▶ Assigned task: Word for word, transcribe the records that follow.
Content starts
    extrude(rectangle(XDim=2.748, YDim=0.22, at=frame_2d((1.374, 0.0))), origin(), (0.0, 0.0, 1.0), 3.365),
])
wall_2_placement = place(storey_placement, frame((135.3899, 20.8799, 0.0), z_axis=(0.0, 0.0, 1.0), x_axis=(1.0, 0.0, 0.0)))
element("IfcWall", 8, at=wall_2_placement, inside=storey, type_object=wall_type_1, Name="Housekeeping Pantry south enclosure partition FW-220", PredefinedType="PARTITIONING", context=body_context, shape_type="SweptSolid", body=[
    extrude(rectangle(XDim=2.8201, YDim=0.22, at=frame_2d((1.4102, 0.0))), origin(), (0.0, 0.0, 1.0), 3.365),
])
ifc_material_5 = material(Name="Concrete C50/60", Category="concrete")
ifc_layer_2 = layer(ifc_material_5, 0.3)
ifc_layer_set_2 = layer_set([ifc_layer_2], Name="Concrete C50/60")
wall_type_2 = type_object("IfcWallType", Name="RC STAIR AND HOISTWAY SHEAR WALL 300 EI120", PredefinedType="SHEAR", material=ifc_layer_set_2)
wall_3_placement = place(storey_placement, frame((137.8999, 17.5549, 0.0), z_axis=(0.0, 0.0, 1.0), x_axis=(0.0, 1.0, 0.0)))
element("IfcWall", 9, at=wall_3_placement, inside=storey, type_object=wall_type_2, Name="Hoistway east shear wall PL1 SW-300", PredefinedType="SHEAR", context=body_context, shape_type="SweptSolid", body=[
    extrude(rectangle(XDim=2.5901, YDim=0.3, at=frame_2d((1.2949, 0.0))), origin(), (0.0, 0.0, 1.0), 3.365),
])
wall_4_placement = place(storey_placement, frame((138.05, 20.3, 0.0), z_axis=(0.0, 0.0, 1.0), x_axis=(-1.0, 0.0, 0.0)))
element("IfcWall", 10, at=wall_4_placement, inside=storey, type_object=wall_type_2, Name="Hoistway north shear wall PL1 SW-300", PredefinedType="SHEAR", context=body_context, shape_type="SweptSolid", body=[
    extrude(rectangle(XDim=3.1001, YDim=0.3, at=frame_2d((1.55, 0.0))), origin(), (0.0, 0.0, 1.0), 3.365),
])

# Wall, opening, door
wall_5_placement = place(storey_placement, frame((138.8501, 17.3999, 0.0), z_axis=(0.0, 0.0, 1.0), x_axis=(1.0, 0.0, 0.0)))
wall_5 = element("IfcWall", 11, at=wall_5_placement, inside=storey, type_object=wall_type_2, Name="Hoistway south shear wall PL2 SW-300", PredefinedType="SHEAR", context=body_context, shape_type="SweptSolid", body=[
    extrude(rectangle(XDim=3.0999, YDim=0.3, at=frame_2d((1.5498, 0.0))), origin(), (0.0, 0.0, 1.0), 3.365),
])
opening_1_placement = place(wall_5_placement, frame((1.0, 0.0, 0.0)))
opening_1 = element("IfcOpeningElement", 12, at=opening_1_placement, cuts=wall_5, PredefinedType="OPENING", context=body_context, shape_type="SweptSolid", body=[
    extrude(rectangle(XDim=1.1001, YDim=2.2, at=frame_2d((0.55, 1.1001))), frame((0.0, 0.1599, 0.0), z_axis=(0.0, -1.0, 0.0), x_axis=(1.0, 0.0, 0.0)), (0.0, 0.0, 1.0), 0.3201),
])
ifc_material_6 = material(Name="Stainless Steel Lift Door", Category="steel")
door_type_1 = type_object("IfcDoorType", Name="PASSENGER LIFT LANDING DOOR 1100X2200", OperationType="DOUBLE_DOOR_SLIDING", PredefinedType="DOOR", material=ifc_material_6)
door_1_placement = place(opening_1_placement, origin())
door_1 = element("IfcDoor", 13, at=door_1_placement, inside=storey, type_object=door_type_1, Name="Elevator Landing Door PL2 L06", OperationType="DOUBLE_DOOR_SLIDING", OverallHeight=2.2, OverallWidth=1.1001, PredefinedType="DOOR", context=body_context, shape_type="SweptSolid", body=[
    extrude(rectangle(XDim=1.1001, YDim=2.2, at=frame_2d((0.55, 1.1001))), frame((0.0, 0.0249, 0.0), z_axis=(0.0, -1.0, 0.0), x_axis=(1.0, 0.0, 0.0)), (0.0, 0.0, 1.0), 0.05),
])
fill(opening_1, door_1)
Content ends
▶ The answer:
    extrude(rectangle(XDim=2.748, YDim=0.22, at=frame_2d((1.374, 0.0))), origin(), (0.0, 0.0, 1.0), 3.365),
])
wall_2_placement = place(storey_placement, frame((135.3899, 20.8799, 0.0), z_axis=(0.0, 0.0, 1.0), x_axis=(1.0, 0.0, 0.0)))
element("IfcWall", 8, at=wall_2_placement, inside=storey, type_object=wall_type_1, Name="Housekeeping Pantry south enclosure partition FW-220", PredefinedType="PARTITIONING", context=body_context, shape_type="SweptSolid", body=[
    extrude(rectangle(XDim=2.8201, YDim=0.22, at=frame_2d((1.4102, 0.0))), origin(), (0.0, 0.0, 1.0), 3.365),
])
ifc_material_5 = material(Name="Concrete C50/60", Category="concrete")
ifc_layer_2 = layer(ifc_material_5, 0.3)
ifc_layer_set_2 = layer_set([ifc_layer_2], Name="Concrete C50/60")
wall_type_2 = type_object("IfcWallType", Name="RC STAIR AND HOISTWAY SHEAR WALL 300 EI120", PredefinedType="SHEAR", material=ifc_layer_set_2)
wall_3_placement = place(storey_placement, frame((137.8999, 17.5549, 0.0), z_axis=(0.0, 0.0, 1.0), x_axis=(0.0, 1.0, 0.0)))
element("IfcWall", 9, at=wall_3_placement, inside=storey, type_object=wall_type_2, Name="Hoistway east shear wall PL1 SW-300", PredefinedType="SHEAR", context=body_context, shape_type="SweptSolid", body=[
    extrude(rectangle(XDim=2.5901, YDim=0.3, at=frame_2d((1.2949, 0.0))), origin(), (0.0, 0.0, 1.0), 3.365),
])
wall_4_placement = place(storey_placement, frame((138.05, 20.3, 0.0), z_axis=(0.0, 0.0, 1.0), x_axis=(-1.0, 0.0, 0.0)))
element("IfcWall", 10, at=wall_4_placement, inside=storey, type_object=wall_type_2, Name="Hoistway north shear wall PL1 SW-300", PredefinedType="SHEAR", context=body_context, shape_type="SweptSolid", body=[
    extrude(rectangle(XDim=3.1001, YDim=0.3, at=frame_2d((1.55, 0.0))), origin(), (0.0, 0.0, 1.0), 3.365),
])

# Wall, opening, door
wall_5_placement = place(storey_placement, frame((138.8501, 17.3999, 0.0), z_axis=(0.0, 0.0, 1.0), x_axis=(1.0, 0.0, 0.0)))
wall_5 = element("IfcWall", 11, at=wall_5_placement, inside=storey, type_object=wall_type_2, Name="Hoistway south shear wall PL2 SW-300", PredefinedType="SHEAR", context=body_context, shape_type="SweptSolid", body=[
    extrude(rectangle(XDim=3.0999, YDim=0.3, at=frame_2d((1.5498, 0.0))), origin(), (0.0, 0.0, 1.0), 3.365),
])
opening_1_placement = place(wall_5_placement, frame((1.0, 0.0, 0.0)))
opening_1 = element("IfcOpeningElement", 12, at=opening_1_placement, cuts=wall_5, PredefinedType="OPENING", context=body_context, shape_type="SweptSolid", body=[
    extrude(rectangle(XDim=1.1001, YDim=2.2, at=frame_2d((0.55, 1.1001))), frame((0.0, 0.1599, 0.0), z_axis=(0.0, -1.0, 0.0), x_axis=(1.0, 0.0, 0.0)), (0.0, 0.0, 1.0), 0.3201),
])
ifc_material_6 = material(Name="Stainless Steel Lift Door", Category="steel")
door_type_1 = type_object("IfcDoorType", Name="PASSENGER LIFT LANDING DOOR 1100X2200", OperationType="DOUBLE_DOOR_SLIDING", PredefinedType="DOOR", material=ifc_material_6)
door_1_placement = place(opening_1_placement, origin())
door_1 = element("IfcDoor", 13, at=door_1_placement, inside=storey, type_object=door_type_1, Name="Elevator Landing Door PL2 L06", OperationType="DOUBLE_DOOR_SLIDING", OverallHeight=2.2, OverallWidth=1.1001, PredefinedType="DOOR", context=body_context, shape_type="SweptSolid", body=[
    extrude(rectangle(XDim=1.1001, YDim=2.2, at=frame_2d((0.55, 1.1001))), frame((0.0, 0.0249, 0.0), z_axis=(0.0, -1.0, 0.0), x_axis=(1.0, 0.0, 0.0)), (0.0, 0.0, 1.0), 0.05),
])
fill(opening_1, door_1)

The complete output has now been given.